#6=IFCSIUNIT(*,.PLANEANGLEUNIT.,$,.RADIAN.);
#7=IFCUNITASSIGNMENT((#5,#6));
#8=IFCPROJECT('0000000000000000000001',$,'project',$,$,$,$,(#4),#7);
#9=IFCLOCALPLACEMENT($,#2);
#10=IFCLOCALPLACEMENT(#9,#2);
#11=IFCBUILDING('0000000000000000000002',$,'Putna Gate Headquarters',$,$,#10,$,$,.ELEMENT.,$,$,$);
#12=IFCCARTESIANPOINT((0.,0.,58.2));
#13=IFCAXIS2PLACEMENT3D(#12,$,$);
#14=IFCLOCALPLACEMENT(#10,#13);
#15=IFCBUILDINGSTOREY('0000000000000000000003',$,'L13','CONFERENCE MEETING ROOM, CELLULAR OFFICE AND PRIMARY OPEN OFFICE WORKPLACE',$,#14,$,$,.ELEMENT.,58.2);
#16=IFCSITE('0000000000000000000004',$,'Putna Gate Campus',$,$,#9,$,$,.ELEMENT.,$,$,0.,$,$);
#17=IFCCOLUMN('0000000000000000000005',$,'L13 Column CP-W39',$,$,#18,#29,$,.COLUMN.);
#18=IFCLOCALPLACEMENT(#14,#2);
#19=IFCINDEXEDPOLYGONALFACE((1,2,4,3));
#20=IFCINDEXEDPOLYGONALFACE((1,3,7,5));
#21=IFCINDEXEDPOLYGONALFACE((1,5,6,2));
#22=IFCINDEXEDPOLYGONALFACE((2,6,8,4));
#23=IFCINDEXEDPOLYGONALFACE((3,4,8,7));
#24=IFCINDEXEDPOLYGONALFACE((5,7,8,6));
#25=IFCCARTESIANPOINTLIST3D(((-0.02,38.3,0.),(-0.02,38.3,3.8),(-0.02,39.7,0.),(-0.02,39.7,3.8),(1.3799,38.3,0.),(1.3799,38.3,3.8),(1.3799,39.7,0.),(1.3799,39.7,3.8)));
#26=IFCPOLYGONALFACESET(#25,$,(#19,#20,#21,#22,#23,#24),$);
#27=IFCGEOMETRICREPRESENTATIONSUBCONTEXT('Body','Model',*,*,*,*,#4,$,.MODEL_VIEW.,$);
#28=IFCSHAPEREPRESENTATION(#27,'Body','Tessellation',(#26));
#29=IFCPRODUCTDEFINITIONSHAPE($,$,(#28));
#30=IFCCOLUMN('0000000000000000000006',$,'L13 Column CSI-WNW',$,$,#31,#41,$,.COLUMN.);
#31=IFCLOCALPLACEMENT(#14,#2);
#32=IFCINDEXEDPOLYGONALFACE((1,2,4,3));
==
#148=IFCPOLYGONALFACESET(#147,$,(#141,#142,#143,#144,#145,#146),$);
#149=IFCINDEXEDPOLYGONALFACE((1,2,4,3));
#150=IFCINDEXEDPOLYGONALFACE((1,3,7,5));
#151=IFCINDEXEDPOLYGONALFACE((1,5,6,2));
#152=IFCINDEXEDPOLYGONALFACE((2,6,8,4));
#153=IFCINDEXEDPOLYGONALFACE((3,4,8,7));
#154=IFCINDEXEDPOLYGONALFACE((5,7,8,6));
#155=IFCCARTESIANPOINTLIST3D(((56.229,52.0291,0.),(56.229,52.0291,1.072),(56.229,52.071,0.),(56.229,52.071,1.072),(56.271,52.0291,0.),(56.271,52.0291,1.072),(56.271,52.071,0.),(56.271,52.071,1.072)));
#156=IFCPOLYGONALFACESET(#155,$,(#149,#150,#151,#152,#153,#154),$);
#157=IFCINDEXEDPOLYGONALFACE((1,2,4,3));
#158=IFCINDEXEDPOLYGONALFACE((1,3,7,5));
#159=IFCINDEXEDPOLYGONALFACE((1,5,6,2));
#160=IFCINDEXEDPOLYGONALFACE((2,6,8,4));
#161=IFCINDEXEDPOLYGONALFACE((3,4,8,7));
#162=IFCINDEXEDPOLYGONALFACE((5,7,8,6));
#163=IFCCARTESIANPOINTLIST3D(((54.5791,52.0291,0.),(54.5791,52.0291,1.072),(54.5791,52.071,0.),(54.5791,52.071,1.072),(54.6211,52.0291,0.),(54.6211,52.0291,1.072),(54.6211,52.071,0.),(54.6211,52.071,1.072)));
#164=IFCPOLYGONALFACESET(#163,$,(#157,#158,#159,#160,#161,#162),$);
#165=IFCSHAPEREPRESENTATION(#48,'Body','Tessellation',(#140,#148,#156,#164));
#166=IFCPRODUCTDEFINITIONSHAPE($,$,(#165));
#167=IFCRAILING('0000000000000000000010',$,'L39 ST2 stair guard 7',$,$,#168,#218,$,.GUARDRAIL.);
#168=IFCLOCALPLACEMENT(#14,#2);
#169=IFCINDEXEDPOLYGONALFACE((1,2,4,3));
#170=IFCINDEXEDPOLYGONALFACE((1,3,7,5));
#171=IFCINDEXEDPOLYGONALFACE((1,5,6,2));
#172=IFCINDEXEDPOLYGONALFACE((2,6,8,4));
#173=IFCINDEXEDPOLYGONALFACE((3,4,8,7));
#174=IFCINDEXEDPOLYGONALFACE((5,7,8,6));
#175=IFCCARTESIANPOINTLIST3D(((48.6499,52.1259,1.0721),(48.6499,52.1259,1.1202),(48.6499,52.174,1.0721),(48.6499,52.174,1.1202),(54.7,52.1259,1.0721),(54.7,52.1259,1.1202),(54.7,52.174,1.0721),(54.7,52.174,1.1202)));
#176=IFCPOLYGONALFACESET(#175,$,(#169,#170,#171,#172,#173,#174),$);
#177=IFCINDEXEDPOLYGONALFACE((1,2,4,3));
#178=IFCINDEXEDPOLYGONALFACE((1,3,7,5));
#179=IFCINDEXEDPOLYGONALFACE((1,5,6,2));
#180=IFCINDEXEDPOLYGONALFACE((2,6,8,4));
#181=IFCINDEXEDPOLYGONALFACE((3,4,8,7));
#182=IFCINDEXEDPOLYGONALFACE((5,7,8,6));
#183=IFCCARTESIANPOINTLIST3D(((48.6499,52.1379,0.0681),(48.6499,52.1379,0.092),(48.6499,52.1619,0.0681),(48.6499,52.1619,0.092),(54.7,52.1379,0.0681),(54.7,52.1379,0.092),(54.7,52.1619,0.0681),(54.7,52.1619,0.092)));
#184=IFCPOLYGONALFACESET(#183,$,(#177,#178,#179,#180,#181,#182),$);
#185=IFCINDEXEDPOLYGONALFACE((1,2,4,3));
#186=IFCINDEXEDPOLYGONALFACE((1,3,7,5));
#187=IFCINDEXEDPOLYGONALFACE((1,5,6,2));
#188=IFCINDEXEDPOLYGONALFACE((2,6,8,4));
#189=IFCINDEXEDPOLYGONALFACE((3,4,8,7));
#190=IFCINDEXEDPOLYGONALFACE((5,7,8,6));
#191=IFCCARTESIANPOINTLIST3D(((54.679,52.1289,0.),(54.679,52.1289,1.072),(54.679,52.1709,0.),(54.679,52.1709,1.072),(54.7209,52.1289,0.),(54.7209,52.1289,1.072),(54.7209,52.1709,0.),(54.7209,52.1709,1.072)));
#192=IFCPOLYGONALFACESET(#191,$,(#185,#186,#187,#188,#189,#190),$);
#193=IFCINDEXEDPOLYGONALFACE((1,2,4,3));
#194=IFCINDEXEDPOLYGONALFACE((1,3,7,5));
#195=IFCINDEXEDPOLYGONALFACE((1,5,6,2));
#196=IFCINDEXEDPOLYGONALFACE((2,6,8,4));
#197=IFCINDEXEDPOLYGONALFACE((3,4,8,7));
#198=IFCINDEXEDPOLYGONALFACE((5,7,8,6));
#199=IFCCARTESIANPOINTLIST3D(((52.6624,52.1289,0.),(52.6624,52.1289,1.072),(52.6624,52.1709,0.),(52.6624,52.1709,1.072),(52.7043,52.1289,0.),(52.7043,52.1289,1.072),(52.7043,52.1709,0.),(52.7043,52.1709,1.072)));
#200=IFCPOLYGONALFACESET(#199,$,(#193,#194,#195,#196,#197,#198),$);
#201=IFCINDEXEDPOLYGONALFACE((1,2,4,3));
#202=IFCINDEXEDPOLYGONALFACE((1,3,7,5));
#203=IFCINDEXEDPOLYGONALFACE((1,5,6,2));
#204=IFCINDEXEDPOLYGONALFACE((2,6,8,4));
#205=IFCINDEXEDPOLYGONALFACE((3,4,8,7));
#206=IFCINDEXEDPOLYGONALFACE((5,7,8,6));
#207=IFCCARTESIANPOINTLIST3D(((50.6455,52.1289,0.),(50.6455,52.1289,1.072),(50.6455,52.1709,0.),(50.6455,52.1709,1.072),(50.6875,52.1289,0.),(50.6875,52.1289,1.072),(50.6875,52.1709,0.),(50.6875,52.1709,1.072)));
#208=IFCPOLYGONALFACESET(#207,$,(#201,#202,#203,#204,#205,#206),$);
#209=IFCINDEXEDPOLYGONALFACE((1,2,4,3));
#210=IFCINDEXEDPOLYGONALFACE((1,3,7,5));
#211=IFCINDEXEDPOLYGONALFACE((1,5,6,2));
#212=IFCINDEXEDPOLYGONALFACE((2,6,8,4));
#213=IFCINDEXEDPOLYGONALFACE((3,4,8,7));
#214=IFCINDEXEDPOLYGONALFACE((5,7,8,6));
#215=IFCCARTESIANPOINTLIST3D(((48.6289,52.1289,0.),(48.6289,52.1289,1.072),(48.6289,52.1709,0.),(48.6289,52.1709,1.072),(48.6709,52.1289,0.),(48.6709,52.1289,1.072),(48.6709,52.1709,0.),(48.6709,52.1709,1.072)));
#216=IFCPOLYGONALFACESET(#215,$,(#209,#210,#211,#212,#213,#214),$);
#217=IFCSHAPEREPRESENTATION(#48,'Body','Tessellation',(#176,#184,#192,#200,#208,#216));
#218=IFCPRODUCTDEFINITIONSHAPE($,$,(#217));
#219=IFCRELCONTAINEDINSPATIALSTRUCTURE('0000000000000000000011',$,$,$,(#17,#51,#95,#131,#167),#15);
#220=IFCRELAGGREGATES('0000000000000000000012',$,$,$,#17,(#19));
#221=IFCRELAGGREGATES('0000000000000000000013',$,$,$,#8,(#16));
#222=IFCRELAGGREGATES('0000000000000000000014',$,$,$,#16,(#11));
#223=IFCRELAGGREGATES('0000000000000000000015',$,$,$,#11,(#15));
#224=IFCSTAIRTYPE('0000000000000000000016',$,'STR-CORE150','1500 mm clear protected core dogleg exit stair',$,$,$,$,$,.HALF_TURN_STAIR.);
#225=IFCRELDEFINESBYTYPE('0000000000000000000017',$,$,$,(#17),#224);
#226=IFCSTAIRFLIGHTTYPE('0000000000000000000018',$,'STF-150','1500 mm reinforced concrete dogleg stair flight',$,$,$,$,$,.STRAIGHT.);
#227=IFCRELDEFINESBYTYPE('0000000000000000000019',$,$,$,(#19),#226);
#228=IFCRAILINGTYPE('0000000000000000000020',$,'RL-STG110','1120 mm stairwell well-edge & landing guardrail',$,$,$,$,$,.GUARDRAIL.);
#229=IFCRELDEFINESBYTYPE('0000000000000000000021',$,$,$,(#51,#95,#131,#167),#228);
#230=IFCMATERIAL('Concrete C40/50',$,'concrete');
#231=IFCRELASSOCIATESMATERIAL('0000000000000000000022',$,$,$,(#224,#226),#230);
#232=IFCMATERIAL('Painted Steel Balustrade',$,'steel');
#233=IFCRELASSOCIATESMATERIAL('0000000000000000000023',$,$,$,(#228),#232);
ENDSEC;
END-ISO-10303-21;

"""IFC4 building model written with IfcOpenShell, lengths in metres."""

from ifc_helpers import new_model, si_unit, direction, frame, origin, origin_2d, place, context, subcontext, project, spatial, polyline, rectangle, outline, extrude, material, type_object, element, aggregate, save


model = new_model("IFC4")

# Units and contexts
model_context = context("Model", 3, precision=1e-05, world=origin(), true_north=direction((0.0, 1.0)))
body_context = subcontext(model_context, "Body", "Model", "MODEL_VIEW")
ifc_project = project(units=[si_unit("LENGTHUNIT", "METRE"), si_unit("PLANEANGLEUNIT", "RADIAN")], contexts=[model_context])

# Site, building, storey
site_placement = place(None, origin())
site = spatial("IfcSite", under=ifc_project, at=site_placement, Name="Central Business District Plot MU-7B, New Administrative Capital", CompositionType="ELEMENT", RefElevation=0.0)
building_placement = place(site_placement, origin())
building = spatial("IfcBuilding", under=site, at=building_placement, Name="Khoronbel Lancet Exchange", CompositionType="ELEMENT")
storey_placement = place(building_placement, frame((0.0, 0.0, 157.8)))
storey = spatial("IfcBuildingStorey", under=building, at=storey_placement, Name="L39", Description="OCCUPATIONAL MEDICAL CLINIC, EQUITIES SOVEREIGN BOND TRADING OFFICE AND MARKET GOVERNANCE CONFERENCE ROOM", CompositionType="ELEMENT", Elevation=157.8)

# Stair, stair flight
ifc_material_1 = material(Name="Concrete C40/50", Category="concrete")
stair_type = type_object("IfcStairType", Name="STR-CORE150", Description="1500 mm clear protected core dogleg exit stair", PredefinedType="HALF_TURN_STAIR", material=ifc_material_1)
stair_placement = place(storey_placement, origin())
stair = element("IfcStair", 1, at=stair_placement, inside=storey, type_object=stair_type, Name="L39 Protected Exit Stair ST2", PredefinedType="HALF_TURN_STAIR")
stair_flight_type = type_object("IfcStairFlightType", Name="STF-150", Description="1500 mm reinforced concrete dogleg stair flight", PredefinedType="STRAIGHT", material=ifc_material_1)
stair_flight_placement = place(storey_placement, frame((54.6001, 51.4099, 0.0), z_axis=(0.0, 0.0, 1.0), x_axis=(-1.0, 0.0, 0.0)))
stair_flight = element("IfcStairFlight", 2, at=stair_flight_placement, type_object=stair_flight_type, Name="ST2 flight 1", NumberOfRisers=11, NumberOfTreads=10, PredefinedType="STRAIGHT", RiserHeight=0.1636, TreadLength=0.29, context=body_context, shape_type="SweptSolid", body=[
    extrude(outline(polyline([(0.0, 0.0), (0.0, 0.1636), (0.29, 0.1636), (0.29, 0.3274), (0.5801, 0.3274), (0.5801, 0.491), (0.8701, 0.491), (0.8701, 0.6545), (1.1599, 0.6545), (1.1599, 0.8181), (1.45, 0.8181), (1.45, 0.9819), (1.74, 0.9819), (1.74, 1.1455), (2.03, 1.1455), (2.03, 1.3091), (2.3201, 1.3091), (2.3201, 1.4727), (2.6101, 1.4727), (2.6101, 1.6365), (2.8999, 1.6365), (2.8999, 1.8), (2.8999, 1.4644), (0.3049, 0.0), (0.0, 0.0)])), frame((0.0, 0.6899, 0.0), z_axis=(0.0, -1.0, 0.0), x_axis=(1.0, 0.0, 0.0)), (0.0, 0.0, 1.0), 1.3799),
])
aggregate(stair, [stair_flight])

Action item |
Work through the entries, filtering for the string "extrude", and copy each line that holds it.

Exercise output |
from ifc_helpers import new_model, si_unit, direction, frame, origin, origin_2d, place, context, subcontext, project, spatial, polyline, rectangle, outline, extrude, material, type_object, element, aggregate, save
    extrude(outline(polyline([(0.0, 0.0), (0.0, 0.1636), (0.29, 0.1636), (0.29, 0.3274), (0.5801, 0.3274), (0.5801, 0.491), (0.8701, 0.491), (0.8701, 0.6545), (1.1599, 0.6545), (1.1599, 0.8181), (1.45, 0.8181), (1.45, 0.9819), (1.74, 0.9819), (1.74, 1.1455), (2.03, 1.1455), (2.03, 1.3091), (2.3201, 1.3091), (2.3201, 1.4727), (2.6101, 1.4727), (2.6101, 1.6365), (2.8999, 1.6365), (2.8999, 1.8), (2.8999, 1.4644), (0.3049, 0.0), (0.0, 0.0)])), frame((0.0, 0.6899, 0.0), z_axis=(0.0, -1.0, 0.0), x_axis=(1.0, 0.0, 0.0)), (0.0, 0.0, 1.0), 1.3799),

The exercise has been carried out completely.